Source records: Begin

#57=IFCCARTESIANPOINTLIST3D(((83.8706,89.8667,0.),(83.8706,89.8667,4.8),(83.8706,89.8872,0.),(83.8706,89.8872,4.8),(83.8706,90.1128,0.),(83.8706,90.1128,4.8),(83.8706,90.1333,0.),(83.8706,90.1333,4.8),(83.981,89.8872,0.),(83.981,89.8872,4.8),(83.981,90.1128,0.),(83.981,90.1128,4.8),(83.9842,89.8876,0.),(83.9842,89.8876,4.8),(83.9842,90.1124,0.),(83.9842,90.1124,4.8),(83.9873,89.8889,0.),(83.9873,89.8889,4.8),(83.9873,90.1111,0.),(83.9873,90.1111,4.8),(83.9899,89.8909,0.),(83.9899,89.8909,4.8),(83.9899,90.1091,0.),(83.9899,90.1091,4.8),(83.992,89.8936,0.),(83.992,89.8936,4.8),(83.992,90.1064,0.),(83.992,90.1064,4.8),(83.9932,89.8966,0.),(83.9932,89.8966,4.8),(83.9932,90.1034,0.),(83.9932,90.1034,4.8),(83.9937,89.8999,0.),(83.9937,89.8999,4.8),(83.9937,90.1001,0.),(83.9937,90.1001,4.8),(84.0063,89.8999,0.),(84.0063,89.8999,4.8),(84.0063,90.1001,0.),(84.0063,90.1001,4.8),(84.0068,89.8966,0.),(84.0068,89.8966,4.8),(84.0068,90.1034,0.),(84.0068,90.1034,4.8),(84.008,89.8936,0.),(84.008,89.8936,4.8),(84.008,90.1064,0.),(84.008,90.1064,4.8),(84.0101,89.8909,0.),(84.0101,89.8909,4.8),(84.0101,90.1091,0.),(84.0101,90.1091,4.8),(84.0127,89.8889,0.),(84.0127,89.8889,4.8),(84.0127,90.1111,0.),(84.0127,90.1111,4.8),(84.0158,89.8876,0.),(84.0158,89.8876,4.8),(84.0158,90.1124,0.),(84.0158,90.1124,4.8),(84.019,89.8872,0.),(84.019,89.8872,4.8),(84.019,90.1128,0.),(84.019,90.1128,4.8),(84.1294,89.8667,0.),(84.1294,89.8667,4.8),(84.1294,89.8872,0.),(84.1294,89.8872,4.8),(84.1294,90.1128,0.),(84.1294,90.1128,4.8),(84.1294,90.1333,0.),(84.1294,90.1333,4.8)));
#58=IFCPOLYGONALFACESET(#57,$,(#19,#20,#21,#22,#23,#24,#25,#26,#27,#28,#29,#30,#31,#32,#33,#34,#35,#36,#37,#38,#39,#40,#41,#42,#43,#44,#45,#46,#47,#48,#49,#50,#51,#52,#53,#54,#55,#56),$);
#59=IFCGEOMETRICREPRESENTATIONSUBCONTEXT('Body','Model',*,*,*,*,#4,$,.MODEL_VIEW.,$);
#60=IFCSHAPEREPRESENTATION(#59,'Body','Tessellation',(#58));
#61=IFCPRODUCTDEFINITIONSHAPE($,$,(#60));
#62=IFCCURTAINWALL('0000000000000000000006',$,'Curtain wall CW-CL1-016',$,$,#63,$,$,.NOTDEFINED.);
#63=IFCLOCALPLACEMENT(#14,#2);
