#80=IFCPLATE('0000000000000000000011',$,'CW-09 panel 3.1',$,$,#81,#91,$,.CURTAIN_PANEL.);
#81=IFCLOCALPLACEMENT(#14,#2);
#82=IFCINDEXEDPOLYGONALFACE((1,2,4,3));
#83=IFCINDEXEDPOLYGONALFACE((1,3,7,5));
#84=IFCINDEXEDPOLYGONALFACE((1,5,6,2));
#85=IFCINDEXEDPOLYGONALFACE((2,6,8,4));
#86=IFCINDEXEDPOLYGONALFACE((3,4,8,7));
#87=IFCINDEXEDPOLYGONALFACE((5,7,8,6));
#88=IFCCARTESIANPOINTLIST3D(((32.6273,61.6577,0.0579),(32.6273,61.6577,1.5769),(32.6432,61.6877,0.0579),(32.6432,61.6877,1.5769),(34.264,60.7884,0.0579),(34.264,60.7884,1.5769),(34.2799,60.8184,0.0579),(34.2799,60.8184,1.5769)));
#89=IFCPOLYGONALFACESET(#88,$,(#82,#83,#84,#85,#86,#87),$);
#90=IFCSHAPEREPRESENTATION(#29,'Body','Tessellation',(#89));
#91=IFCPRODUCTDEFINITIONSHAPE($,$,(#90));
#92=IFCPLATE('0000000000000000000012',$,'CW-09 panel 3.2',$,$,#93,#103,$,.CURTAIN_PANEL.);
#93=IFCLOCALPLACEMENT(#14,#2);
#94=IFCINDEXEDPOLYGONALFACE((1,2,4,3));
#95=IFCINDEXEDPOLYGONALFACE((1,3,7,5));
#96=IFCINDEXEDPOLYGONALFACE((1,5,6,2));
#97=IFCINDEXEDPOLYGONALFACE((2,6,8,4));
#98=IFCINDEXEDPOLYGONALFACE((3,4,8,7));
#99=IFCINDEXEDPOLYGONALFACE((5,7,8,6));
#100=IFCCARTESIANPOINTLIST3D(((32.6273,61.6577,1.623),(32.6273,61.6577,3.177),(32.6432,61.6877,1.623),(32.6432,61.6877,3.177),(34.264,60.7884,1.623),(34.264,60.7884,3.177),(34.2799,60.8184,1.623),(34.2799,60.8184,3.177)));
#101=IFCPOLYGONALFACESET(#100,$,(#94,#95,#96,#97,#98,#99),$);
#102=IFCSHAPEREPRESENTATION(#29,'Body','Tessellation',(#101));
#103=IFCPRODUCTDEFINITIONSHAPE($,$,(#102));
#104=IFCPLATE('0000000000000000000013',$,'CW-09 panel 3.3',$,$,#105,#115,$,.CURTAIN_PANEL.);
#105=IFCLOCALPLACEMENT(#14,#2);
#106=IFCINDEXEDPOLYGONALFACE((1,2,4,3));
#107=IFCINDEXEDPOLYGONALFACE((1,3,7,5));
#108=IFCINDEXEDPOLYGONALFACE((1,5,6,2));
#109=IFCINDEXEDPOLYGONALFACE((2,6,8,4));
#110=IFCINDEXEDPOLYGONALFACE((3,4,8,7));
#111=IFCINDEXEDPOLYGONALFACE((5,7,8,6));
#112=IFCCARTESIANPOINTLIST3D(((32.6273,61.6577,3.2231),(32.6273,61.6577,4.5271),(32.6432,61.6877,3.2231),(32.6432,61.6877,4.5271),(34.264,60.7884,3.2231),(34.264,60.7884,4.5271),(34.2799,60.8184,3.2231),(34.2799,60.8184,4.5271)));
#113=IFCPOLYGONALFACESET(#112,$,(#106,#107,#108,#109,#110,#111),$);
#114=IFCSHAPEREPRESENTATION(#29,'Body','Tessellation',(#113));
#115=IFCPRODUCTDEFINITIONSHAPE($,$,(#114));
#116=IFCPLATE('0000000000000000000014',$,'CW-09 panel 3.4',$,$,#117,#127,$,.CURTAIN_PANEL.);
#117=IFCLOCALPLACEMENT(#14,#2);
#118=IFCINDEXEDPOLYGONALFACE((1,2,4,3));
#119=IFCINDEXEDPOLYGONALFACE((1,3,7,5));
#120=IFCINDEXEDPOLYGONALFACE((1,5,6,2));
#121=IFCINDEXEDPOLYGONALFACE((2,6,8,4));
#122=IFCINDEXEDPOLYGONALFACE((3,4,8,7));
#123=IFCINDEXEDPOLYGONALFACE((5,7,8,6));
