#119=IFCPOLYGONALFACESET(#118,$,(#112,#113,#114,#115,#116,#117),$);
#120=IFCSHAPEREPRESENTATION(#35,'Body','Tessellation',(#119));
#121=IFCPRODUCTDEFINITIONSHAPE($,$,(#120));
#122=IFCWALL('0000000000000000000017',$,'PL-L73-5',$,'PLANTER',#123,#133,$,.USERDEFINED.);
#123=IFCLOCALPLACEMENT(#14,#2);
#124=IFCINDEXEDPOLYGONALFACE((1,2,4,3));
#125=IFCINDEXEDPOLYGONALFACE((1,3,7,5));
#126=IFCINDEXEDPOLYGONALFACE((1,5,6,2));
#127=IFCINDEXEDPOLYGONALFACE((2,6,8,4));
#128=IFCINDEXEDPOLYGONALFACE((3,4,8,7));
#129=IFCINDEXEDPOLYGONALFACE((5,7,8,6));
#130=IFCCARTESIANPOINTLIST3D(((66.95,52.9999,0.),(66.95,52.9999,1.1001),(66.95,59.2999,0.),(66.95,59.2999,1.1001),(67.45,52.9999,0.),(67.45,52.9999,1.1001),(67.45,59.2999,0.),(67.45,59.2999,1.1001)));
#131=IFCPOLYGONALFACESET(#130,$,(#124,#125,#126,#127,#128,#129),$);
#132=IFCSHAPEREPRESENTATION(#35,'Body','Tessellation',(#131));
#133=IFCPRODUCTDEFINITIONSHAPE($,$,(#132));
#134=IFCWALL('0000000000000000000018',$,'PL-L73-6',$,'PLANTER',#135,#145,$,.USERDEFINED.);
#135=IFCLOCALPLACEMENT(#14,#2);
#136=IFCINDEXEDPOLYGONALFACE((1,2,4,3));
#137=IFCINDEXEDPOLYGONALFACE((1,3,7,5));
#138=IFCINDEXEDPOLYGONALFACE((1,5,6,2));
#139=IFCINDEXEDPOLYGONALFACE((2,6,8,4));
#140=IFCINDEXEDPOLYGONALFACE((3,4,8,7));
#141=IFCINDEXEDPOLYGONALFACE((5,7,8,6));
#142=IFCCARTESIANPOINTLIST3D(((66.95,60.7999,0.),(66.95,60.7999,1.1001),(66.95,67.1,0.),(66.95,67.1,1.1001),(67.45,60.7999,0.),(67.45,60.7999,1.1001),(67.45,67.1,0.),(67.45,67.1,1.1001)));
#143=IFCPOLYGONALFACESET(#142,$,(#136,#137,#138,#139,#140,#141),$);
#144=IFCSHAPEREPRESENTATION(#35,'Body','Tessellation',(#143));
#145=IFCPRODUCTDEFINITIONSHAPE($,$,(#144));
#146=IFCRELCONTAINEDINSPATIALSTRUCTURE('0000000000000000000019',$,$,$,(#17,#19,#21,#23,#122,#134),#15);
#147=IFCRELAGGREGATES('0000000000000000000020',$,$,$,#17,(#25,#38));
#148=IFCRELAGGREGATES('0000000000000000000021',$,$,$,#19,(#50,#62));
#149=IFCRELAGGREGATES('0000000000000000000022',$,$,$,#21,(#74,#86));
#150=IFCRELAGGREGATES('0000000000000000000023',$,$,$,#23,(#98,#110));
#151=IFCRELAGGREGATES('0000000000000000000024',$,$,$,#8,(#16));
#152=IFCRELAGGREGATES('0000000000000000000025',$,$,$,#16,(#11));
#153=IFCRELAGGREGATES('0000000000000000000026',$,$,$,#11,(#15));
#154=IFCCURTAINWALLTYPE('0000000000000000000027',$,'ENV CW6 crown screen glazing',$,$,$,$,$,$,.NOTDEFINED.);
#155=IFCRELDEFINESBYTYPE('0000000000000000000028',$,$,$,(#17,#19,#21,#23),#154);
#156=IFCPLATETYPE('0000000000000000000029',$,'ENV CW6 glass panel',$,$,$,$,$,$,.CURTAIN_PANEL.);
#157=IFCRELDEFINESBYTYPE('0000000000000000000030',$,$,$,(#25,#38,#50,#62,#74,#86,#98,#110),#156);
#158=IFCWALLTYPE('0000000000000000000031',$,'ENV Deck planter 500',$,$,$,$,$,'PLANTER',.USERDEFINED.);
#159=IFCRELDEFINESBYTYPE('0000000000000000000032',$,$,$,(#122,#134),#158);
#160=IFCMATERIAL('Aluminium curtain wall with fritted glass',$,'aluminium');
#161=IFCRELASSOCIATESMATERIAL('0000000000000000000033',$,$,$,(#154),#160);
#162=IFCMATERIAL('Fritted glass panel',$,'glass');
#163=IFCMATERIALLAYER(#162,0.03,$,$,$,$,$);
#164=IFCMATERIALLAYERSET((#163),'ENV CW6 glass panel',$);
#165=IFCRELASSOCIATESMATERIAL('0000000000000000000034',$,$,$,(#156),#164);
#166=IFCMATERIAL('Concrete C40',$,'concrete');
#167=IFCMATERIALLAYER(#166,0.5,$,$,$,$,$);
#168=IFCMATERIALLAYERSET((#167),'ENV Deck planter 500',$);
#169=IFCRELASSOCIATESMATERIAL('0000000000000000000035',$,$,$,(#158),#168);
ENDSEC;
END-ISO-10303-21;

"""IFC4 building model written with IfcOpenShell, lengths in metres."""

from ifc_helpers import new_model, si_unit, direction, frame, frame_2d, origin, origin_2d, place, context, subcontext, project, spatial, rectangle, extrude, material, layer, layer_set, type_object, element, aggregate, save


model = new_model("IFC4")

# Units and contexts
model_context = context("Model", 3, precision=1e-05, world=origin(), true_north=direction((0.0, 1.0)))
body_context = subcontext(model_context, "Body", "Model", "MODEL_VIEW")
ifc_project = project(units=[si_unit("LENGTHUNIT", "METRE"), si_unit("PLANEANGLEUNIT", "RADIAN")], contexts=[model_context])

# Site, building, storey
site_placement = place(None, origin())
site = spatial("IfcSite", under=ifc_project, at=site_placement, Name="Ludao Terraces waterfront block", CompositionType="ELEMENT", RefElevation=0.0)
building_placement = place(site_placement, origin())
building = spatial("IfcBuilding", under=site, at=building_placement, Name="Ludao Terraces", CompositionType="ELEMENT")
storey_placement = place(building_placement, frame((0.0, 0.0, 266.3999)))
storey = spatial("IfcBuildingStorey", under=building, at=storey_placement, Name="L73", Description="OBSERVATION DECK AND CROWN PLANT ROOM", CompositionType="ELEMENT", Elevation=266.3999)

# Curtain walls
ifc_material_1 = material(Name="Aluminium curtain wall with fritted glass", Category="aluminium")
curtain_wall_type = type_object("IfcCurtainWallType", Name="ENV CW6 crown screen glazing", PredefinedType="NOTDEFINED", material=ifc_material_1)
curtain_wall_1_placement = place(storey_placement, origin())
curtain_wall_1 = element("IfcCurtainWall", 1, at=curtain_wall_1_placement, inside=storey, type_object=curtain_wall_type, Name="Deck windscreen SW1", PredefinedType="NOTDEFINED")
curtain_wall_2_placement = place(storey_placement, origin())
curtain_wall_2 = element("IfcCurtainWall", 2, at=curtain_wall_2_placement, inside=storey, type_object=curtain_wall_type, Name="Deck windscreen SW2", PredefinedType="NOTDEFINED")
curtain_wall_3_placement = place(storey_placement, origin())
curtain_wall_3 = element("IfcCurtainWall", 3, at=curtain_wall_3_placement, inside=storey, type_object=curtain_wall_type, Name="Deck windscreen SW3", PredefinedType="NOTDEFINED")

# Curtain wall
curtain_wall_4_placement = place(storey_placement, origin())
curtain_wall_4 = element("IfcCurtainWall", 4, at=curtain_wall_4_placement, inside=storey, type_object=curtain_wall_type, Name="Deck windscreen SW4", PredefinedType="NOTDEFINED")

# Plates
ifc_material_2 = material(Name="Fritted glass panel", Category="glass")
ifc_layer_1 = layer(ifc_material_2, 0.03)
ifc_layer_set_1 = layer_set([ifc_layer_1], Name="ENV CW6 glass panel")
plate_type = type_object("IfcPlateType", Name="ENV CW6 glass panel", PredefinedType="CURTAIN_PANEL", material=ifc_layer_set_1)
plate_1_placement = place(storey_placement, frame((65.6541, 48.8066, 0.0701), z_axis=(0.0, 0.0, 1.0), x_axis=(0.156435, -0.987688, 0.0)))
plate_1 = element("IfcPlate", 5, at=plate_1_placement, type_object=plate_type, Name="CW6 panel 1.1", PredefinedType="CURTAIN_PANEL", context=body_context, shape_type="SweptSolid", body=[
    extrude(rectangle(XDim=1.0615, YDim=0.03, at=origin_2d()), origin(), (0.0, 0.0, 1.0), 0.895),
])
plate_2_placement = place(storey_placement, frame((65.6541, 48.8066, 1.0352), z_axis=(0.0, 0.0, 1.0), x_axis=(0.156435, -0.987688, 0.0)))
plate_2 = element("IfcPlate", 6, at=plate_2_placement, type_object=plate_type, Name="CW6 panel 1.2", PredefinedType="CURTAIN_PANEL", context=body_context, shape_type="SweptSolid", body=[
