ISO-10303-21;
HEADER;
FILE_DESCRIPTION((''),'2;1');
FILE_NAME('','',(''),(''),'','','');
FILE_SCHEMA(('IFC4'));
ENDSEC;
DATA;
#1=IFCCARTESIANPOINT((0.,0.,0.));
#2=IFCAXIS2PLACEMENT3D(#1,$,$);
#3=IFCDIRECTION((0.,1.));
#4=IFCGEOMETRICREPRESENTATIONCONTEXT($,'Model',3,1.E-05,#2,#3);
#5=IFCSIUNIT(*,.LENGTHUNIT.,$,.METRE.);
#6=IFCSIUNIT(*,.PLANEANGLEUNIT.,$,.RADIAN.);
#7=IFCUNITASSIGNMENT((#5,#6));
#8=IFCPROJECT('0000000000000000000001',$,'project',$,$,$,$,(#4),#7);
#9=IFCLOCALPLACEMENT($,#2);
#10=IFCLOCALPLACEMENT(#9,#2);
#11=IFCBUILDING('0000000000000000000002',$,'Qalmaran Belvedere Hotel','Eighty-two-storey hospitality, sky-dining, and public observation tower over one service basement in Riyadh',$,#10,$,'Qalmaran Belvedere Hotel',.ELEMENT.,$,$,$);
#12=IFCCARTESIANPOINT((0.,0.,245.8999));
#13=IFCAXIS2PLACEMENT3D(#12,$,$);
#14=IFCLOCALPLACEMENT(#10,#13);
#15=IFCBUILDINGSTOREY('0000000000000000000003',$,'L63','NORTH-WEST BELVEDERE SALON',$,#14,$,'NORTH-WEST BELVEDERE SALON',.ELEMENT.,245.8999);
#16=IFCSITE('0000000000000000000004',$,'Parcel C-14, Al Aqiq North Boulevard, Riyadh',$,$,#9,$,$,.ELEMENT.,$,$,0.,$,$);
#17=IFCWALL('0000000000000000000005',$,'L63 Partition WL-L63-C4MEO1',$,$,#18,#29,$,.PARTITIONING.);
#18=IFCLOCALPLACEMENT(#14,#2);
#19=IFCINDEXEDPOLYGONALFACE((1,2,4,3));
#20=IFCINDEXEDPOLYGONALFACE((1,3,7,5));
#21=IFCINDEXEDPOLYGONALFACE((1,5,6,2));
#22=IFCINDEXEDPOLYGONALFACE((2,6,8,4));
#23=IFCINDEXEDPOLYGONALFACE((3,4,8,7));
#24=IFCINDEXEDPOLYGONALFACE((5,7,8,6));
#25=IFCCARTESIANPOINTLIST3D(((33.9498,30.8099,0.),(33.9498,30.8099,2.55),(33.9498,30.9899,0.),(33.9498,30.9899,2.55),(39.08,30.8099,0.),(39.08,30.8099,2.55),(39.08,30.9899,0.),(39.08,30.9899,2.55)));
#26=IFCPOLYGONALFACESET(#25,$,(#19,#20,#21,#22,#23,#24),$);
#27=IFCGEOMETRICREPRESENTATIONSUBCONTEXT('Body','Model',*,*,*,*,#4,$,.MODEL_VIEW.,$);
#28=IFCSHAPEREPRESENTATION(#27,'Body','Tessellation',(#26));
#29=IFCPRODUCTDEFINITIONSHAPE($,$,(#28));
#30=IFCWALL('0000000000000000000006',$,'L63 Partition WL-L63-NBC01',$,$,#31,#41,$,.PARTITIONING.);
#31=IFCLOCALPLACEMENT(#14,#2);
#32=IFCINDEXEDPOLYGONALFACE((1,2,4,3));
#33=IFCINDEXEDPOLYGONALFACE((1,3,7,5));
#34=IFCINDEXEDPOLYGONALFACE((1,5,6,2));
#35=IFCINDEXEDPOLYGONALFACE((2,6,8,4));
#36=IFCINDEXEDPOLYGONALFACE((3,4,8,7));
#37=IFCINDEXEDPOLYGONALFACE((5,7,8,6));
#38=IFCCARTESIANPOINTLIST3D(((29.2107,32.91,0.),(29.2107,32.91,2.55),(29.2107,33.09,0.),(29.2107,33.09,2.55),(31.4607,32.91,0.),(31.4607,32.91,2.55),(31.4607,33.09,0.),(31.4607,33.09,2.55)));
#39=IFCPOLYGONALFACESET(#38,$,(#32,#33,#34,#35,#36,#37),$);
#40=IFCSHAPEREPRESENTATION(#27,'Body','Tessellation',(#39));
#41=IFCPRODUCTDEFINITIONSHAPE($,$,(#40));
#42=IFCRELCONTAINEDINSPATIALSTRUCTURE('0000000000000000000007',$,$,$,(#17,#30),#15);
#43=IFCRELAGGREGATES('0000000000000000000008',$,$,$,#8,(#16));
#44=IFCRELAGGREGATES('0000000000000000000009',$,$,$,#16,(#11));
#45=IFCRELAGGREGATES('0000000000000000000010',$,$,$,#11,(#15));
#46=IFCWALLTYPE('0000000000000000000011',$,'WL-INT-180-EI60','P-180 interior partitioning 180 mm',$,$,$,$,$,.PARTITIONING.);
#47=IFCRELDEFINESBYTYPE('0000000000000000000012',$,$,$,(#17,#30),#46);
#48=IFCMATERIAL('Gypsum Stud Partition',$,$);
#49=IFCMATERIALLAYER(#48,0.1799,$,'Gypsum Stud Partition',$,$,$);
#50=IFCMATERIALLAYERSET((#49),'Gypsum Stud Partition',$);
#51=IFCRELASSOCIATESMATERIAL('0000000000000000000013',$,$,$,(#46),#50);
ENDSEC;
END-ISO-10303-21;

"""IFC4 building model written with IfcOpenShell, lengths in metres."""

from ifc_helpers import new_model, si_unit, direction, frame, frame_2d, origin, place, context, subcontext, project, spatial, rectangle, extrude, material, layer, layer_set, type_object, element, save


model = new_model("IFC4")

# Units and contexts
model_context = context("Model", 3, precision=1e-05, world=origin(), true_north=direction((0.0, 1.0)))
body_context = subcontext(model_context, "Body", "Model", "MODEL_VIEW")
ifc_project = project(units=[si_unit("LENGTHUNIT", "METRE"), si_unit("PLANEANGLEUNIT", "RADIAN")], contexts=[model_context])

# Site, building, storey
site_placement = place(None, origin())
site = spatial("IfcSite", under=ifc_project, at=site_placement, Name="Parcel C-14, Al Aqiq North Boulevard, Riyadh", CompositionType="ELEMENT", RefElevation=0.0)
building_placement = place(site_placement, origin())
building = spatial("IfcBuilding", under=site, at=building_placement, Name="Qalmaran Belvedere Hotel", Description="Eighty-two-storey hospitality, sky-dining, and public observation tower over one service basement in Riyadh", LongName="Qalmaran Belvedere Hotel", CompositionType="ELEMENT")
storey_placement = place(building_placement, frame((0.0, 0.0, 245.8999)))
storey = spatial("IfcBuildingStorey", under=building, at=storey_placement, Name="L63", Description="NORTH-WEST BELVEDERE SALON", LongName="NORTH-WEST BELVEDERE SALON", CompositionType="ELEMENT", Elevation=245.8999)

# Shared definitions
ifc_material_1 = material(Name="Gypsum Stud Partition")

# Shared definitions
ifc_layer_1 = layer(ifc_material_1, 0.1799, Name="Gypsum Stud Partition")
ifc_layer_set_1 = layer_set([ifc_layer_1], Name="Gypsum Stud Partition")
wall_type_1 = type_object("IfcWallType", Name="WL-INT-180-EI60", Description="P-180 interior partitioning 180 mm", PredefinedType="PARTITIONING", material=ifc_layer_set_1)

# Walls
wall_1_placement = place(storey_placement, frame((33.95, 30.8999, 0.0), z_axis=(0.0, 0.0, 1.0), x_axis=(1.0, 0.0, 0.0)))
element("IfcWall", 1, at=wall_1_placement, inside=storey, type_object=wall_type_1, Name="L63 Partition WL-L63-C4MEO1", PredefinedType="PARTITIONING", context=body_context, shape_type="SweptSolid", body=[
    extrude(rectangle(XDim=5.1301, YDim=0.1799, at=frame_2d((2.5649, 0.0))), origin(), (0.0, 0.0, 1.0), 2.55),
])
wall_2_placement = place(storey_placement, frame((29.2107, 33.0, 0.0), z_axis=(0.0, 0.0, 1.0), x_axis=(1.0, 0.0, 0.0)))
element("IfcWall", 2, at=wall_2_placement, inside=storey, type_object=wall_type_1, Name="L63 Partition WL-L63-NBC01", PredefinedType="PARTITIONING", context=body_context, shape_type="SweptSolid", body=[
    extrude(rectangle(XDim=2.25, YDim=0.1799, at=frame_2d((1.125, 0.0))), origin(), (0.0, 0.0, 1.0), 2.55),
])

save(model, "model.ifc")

Source records: End

◆ Instructions to follow
Taking the lines above, repeat exactly those from the line that contains "#98=IFCINDEXEDPOLYGONALFACE((3,4,8,7));" through the line that contains "#99=IFCINDEXEDPOLYGONALFACE((5,7,8,6));", and both of those lines as well. Include nothing else.

◆ Answer for the task
#98=IFCINDEXEDPOLYGONALFACE((3,4,8,7));
#99=IFCINDEXEDPOLYGONALFACE((5,7,8,6));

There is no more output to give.